» Your assignment: Exactly as written, give back every record below.

» Records supplied:
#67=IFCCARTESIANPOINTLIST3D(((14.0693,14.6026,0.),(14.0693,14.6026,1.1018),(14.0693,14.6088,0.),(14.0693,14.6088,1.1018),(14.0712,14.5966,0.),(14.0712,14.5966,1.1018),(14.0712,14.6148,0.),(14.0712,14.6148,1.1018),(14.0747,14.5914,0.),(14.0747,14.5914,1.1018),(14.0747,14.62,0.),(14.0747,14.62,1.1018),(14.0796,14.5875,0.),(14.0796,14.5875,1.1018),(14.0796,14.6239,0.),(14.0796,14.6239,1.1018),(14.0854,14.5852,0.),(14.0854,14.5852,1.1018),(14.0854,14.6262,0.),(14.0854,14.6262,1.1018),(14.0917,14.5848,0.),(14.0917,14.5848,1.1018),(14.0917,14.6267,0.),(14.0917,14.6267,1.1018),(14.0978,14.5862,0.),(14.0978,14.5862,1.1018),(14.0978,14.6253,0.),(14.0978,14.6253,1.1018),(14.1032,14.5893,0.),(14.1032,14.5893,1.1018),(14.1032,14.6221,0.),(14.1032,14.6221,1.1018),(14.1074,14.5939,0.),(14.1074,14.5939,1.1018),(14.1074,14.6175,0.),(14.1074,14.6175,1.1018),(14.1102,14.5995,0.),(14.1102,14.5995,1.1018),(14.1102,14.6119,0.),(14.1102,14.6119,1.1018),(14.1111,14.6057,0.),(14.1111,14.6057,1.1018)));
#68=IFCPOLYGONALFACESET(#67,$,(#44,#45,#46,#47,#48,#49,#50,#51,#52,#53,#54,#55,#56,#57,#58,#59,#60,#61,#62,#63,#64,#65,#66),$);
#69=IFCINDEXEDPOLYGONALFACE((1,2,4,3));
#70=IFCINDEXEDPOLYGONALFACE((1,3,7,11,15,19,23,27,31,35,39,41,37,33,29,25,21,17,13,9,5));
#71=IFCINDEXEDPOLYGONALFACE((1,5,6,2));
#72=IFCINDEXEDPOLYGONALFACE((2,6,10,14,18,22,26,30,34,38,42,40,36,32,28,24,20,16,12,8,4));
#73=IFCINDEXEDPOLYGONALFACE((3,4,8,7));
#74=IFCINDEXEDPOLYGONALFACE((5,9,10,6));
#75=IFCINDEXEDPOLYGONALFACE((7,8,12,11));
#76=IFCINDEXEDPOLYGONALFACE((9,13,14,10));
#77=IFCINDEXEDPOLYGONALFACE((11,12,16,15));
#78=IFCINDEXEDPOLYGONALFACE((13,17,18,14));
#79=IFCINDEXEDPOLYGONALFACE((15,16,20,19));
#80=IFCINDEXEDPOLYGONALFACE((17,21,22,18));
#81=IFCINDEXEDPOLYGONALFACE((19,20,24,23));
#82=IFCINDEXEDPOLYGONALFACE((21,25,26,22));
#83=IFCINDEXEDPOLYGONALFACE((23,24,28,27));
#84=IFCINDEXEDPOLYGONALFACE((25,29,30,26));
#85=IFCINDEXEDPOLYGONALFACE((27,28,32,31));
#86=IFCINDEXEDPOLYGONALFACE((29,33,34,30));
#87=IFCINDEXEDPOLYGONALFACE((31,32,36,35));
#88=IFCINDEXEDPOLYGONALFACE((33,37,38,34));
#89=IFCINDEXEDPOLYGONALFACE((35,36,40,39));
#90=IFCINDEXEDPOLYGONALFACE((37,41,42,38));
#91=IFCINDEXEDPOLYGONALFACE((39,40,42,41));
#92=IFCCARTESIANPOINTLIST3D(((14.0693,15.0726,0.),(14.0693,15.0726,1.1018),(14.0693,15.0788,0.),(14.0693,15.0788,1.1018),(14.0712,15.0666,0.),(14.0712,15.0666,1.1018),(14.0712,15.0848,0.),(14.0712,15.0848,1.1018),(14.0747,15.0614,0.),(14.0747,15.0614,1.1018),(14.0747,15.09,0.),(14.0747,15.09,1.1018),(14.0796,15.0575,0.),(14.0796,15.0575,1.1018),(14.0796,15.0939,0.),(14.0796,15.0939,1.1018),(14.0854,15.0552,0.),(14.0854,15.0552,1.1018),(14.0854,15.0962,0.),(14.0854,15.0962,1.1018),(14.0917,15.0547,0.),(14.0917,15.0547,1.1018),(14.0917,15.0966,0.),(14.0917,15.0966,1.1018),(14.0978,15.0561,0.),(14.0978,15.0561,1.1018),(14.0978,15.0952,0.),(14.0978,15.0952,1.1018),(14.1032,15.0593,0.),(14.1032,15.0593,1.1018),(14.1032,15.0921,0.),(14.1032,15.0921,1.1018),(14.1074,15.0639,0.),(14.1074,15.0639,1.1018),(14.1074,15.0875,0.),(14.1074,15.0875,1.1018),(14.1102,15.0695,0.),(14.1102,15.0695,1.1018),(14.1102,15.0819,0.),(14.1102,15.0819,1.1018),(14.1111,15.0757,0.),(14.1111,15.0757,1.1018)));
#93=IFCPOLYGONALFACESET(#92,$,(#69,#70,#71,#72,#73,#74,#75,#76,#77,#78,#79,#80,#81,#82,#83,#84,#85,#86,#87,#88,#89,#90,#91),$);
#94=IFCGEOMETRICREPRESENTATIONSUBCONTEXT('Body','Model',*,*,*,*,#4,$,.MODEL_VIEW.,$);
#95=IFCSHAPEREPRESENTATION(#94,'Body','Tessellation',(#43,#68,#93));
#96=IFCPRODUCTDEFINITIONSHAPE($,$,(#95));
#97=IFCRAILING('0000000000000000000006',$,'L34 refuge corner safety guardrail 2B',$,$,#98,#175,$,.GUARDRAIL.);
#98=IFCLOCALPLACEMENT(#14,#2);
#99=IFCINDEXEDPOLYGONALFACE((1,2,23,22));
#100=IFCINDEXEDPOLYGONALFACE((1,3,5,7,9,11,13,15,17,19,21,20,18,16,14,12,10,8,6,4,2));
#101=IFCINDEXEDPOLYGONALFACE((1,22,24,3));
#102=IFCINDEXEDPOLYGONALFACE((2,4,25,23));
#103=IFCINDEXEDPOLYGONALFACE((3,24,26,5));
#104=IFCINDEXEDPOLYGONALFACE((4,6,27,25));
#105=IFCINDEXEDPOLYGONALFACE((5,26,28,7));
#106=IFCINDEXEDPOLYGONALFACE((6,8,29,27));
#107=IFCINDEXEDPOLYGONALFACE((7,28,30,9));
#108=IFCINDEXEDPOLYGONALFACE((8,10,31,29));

» Answer section:
#67=IFCCARTESIANPOINTLIST3D(((14.0693,14.6026,0.),(14.0693,14.6026,1.1018),(14.0693,14.6088,0.),(14.0693,14.6088,1.1018),(14.0712,14.5966,0.),(14.0712,14.5966,1.1018),(14.0712,14.6148,0.),(14.0712,14.6148,1.1018),(14.0747,14.5914,0.),(14.0747,14.5914,1.1018),(14.0747,14.62,0.),(14.0747,14.62,1.1018),(14.0796,14.5875,0.),(14.0796,14.5875,1.1018),(14.0796,14.6239,0.),(14.0796,14.6239,1.1018),(14.0854,14.5852,0.),(14.0854,14.5852,1.1018),(14.0854,14.6262,0.),(14.0854,14.6262,1.1018),(14.0917,14.5848,0.),(14.0917,14.5848,1.1018),(14.0917,14.6267,0.),(14.0917,14.6267,1.1018),(14.0978,14.5862,0.),(14.0978,14.5862,1.1018),(14.0978,14.6253,0.),(14.0978,14.6253,1.1018),(14.1032,14.5893,0.),(14.1032,14.5893,1.1018),(14.1032,14.6221,0.),(14.1032,14.6221,1.1018),(14.1074,14.5939,0.),(14.1074,14.5939,1.1018),(14.1074,14.6175,0.),(14.1074,14.6175,1.1018),(14.1102,14.5995,0.),(14.1102,14.5995,1.1018),(14.1102,14.6119,0.),(14.1102,14.6119,1.1018),(14.1111,14.6057,0.),(14.1111,14.6057,1.1018)));
#68=IFCPOLYGONALFACESET(#67,$,(#44,#45,#46,#47,#48,#49,#50,#51,#52,#53,#54,#55,#56,#57,#58,#59,#60,#61,#62,#63,#64,#65,#66),$);
#69=IFCINDEXEDPOLYGONALFACE((1,2,4,3));
#70=IFCINDEXEDPOLYGONALFACE((1,3,7,11,15,19,23,27,31,35,39,41,37,33,29,25,21,17,13,9,5));
#71=IFCINDEXEDPOLYGONALFACE((1,5,6,2));
#72=IFCINDEXEDPOLYGONALFACE((2,6,10,14,18,22,26,30,34,38,42,40,36,32,28,24,20,16,12,8,4));
#73=IFCINDEXEDPOLYGONALFACE((3,4,8,7));
#74=IFCINDEXEDPOLYGONALFACE((5,9,10,6));
#75=IFCINDEXEDPOLYGONALFACE((7,8,12,11));
#76=IFCINDEXEDPOLYGONALFACE((9,13,14,10));
#77=IFCINDEXEDPOLYGONALFACE((11,12,16,15));
#78=IFCINDEXEDPOLYGONALFACE((13,17,18,14));
#79=IFCINDEXEDPOLYGONALFACE((15,16,20,19));
#80=IFCINDEXEDPOLYGONALFACE((17,21,22,18));
#81=IFCINDEXEDPOLYGONALFACE((19,20,24,23));
#82=IFCINDEXEDPOLYGONALFACE((21,25,26,22));
#83=IFCINDEXEDPOLYGONALFACE((23,24,28,27));
#84=IFCINDEXEDPOLYGONALFACE((25,29,30,26));
#85=IFCINDEXEDPOLYGONALFACE((27,28,32,31));
#86=IFCINDEXEDPOLYGONALFACE((29,33,34,30));
#87=IFCINDEXEDPOLYGONALFACE((31,32,36,35));
#88=IFCINDEXEDPOLYGONALFACE((33,37,38,34));
#89=IFCINDEXEDPOLYGONALFACE((35,36,40,39));
#90=IFCINDEXEDPOLYGONALFACE((37,41,42,38));
#91=IFCINDEXEDPOLYGONALFACE((39,40,42,41));
#92=IFCCARTESIANPOINTLIST3D(((14.0693,15.0726,0.),(14.0693,15.0726,1.1018),(14.0693,15.0788,0.),(14.0693,15.0788,1.1018),(14.0712,15.0666,0.),(14.0712,15.0666,1.1018),(14.0712,15.0848,0.),(14.0712,15.0848,1.1018),(14.0747,15.0614,0.),(14.0747,15.0614,1.1018),(14.0747,15.09,0.),(14.0747,15.09,1.1018),(14.0796,15.0575,0.),(14.0796,15.0575,1.1018),(14.0796,15.0939,0.),(14.0796,15.0939,1.1018),(14.0854,15.0552,0.),(14.0854,15.0552,1.1018),(14.0854,15.0962,0.),(14.0854,15.0962,1.1018),(14.0917,15.0547,0.),(14.0917,15.0547,1.1018),(14.0917,15.0966,0.),(14.0917,15.0966,1.1018),(14.0978,15.0561,0.),(14.0978,15.0561,1.1018),(14.0978,15.0952,0.),(14.0978,15.0952,1.1018),(14.1032,15.0593,0.),(14.1032,15.0593,1.1018),(14.1032,15.0921,0.),(14.1032,15.0921,1.1018),(14.1074,15.0639,0.),(14.1074,15.0639,1.1018),(14.1074,15.0875,0.),(14.1074,15.0875,1.1018),(14.1102,15.0695,0.),(14.1102,15.0695,1.1018),(14.1102,15.0819,0.),(14.1102,15.0819,1.1018),(14.1111,15.0757,0.),(14.1111,15.0757,1.1018)));
#93=IFCPOLYGONALFACESET(#92,$,(#69,#70,#71,#72,#73,#74,#75,#76,#77,#78,#79,#80,#81,#82,#83,#84,#85,#86,#87,#88,#89,#90,#91),$);
#94=IFCGEOMETRICREPRESENTATIONSUBCONTEXT('Body','Model',*,*,*,*,#4,$,.MODEL_VIEW.,$);
#95=IFCSHAPEREPRESENTATION(#94,'Body','Tessellation',(#43,#68,#93));
#96=IFCPRODUCTDEFINITIONSHAPE($,$,(#95));
#97=IFCRAILING('0000000000000000000006',$,'L34 refuge corner safety guardrail 2B',$,$,#98,#175,$,.GUARDRAIL.);
#98=IFCLOCALPLACEMENT(#14,#2);
#99=IFCINDEXEDPOLYGONALFACE((1,2,23,22));
#100=IFCINDEXEDPOLYGONALFACE((1,3,5,7,9,11,13,15,17,19,21,20,18,16,14,12,10,8,6,4,2));
#101=IFCINDEXEDPOLYGONALFACE((1,22,24,3));
#102=IFCINDEXEDPOLYGONALFACE((2,4,25,23));
#103=IFCINDEXEDPOLYGONALFACE((3,24,26,5));
#104=IFCINDEXEDPOLYGONALFACE((4,6,27,25));
#105=IFCINDEXEDPOLYGONALFACE((5,26,28,7));
#106=IFCINDEXEDPOLYGONALFACE((6,8,29,27));
#107=IFCINDEXEDPOLYGONALFACE((7,28,30,9));
#108=IFCINDEXEDPOLYGONALFACE((8,10,31,29));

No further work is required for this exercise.